***** Given information

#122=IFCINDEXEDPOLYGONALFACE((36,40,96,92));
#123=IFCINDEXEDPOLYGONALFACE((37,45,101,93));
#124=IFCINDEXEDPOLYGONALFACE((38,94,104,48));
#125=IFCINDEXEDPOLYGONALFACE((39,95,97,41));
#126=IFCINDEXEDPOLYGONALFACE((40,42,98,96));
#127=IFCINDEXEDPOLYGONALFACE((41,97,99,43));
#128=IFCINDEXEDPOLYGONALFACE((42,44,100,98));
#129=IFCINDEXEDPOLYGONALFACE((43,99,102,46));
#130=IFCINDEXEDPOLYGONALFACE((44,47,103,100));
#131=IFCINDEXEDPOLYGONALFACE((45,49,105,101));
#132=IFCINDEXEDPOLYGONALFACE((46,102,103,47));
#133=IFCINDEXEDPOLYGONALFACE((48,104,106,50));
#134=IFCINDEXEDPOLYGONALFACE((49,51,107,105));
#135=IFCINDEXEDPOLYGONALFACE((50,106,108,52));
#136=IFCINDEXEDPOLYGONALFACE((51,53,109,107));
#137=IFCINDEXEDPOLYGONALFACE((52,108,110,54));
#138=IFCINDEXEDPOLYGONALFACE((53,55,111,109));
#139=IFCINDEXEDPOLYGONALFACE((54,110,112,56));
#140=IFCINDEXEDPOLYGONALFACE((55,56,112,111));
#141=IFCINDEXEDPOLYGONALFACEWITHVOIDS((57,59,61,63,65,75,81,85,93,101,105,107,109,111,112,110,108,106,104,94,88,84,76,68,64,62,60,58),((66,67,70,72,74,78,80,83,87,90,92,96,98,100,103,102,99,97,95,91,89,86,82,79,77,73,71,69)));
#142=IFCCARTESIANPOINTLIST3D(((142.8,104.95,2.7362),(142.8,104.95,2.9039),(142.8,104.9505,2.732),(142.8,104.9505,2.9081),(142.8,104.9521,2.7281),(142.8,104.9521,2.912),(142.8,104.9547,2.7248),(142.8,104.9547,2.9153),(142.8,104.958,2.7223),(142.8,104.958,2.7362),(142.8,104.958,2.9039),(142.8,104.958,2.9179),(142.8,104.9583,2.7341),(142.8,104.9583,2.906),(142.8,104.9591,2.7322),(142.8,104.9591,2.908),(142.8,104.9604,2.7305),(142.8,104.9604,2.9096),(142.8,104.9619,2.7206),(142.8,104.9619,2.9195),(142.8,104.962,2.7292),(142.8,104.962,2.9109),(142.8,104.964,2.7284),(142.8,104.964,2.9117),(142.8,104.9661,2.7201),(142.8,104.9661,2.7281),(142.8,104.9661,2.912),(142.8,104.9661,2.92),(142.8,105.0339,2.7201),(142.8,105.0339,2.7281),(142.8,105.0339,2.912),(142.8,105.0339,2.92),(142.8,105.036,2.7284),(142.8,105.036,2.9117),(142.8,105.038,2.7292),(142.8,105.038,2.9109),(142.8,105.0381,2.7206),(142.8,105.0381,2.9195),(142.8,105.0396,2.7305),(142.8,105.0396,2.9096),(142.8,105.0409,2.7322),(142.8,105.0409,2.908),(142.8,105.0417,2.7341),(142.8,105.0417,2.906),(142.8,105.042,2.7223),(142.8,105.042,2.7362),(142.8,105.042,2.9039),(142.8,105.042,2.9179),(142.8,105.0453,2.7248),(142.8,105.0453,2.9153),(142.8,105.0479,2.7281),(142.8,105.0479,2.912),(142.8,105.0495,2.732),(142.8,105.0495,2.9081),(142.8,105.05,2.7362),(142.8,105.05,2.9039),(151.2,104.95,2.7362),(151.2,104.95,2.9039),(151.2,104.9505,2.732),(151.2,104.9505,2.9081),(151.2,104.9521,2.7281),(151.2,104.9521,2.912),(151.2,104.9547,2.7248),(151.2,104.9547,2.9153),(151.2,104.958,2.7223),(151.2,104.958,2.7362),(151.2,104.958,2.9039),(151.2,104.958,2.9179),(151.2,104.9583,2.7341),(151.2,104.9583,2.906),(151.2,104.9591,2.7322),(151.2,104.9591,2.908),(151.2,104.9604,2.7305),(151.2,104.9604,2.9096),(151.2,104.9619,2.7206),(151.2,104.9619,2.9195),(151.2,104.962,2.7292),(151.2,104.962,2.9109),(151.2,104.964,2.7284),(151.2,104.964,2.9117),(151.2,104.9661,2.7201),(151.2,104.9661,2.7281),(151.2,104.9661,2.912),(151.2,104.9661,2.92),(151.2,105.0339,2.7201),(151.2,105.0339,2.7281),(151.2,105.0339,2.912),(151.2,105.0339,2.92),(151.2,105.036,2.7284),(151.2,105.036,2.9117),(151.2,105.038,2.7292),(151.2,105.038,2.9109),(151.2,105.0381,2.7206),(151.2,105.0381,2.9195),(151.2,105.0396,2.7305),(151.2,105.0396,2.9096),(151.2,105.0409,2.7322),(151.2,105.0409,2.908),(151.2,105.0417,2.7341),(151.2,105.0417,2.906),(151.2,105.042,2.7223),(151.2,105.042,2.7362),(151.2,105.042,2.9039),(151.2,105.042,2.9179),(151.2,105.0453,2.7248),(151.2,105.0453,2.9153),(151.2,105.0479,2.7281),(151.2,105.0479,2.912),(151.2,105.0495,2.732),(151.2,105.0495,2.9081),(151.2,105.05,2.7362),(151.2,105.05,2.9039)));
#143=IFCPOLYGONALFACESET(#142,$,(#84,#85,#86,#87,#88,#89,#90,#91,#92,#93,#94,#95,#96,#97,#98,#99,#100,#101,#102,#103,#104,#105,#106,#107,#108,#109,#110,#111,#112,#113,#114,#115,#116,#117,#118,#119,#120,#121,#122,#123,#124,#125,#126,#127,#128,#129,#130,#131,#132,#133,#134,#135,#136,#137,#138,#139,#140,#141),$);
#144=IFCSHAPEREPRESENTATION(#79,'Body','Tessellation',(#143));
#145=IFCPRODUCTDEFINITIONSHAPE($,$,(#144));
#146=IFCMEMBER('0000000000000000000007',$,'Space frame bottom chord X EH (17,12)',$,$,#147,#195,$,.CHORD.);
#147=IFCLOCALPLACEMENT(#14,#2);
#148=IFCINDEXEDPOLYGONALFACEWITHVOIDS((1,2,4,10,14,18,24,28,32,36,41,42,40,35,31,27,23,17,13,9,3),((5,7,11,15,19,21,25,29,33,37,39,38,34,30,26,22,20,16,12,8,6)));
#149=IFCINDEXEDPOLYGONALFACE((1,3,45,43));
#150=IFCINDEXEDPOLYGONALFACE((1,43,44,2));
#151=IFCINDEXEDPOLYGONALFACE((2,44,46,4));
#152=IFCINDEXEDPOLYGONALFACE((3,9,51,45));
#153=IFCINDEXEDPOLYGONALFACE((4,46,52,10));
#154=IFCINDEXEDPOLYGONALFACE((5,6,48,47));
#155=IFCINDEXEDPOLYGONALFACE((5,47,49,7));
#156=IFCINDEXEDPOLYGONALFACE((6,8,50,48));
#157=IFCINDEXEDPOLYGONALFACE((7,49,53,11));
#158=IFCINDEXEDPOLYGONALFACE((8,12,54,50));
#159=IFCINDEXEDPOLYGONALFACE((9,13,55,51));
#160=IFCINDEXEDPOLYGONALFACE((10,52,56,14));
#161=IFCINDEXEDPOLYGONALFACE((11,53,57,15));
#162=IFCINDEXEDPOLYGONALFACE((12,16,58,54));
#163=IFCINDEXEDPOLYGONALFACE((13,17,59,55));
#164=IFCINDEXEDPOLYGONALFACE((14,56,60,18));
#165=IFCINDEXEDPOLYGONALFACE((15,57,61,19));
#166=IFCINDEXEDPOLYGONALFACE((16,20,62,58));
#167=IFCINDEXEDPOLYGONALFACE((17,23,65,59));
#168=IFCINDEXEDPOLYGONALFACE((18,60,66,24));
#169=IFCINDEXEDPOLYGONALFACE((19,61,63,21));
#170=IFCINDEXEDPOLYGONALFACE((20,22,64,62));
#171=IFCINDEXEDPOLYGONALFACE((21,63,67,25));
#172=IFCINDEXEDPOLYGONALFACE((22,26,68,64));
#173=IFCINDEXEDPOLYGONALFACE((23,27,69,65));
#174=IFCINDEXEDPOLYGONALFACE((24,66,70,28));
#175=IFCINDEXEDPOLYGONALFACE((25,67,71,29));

**********
***** Given information

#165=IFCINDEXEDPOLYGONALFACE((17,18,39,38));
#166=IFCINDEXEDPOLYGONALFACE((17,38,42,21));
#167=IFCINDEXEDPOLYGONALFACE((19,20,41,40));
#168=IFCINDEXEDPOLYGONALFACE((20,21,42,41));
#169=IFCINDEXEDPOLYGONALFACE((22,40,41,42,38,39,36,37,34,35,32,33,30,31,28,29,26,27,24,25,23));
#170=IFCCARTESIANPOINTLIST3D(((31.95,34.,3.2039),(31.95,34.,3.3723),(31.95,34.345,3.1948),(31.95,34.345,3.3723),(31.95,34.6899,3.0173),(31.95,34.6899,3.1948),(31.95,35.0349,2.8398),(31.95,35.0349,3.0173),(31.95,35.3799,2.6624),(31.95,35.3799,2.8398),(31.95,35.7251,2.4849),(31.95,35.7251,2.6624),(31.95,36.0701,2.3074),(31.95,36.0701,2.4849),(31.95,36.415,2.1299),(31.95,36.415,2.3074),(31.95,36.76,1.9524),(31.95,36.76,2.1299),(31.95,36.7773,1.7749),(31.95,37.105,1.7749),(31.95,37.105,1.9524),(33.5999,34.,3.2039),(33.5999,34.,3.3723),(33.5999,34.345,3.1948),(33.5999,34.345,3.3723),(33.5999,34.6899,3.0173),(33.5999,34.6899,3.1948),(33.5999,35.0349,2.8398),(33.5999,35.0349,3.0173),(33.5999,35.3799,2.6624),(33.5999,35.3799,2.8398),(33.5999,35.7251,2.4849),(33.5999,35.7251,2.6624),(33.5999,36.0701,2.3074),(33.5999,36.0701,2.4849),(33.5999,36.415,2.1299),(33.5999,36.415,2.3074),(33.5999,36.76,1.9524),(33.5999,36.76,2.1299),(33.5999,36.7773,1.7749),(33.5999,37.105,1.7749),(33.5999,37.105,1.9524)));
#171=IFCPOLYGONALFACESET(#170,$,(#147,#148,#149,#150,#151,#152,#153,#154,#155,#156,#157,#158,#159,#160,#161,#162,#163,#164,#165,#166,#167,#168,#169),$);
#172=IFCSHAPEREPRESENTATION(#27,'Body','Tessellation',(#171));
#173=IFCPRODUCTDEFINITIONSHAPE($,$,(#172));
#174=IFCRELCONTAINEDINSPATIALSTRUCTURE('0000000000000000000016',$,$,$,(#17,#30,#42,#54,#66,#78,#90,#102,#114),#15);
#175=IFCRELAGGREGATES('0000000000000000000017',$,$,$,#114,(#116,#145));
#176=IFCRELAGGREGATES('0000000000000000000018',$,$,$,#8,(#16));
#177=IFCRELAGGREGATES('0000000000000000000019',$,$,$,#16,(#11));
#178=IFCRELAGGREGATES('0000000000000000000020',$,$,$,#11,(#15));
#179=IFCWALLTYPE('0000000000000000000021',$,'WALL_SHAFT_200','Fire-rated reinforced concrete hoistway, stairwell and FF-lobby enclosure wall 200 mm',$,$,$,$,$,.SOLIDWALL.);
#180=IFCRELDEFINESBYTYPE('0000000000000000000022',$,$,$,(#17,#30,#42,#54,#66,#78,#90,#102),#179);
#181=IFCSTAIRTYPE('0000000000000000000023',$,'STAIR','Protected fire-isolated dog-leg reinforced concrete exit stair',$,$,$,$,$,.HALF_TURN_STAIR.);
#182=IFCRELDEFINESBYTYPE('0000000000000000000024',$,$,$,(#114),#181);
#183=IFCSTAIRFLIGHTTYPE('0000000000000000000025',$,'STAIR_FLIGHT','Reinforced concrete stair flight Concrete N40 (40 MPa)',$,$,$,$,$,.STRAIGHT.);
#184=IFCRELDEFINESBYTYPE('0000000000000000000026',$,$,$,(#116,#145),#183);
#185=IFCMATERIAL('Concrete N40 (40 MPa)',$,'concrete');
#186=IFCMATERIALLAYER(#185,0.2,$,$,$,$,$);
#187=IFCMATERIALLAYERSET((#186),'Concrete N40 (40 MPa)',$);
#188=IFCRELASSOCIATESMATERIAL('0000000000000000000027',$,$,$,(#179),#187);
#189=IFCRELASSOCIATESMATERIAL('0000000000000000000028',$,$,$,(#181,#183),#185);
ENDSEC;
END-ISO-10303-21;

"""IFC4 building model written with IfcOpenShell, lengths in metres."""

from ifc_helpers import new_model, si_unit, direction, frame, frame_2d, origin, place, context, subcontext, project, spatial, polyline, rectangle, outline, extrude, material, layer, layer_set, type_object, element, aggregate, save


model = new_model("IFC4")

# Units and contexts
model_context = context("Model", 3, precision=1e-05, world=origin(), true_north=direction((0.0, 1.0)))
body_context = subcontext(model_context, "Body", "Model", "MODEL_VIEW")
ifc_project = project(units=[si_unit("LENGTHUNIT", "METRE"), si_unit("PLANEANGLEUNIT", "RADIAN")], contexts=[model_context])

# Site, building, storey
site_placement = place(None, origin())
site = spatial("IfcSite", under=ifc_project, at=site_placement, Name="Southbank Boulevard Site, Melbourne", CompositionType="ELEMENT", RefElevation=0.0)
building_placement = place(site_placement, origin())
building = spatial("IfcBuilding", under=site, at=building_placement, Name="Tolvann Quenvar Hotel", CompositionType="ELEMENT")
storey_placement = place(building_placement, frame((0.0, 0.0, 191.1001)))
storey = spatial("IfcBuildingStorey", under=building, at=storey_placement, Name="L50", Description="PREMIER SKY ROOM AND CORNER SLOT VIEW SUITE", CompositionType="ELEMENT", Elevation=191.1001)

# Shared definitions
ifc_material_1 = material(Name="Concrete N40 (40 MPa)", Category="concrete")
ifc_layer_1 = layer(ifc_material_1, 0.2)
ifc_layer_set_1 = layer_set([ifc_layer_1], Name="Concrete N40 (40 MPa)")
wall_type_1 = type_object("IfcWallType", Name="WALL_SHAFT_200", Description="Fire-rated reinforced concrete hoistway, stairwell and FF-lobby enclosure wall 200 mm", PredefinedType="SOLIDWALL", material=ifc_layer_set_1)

**********

* [Exercise prompt]
All lines in the records above with "Name" need to be found and copied.

* [Response area]
site = spatial("IfcSite", under=ifc_project, at=site_placement, Name="Southbank Boulevard Site, Melbourne", CompositionType="ELEMENT", RefElevation=0.0)
building = spatial("IfcBuilding", under=site, at=building_placement, Name="Tolvann Quenvar Hotel", CompositionType="ELEMENT")
storey = spatial("IfcBuildingStorey", under=building, at=storey_placement, Name="L50", Description="PREMIER SKY ROOM AND CORNER SLOT VIEW SUITE", CompositionType="ELEMENT", Elevation=191.1001)
ifc_material_1 = material(Name="Concrete N40 (40 MPa)", Category="concrete")
ifc_layer_set_1 = layer_set([ifc_layer_1], Name="Concrete N40 (40 MPa)")
wall_type_1 = type_object("IfcWallType", Name="WALL_SHAFT_200", Description="Fire-rated reinforced concrete hoistway, stairwell and FF-lobby enclosure wall 200 mm", PredefinedType="SOLIDWALL", material=ifc_layer_set_1)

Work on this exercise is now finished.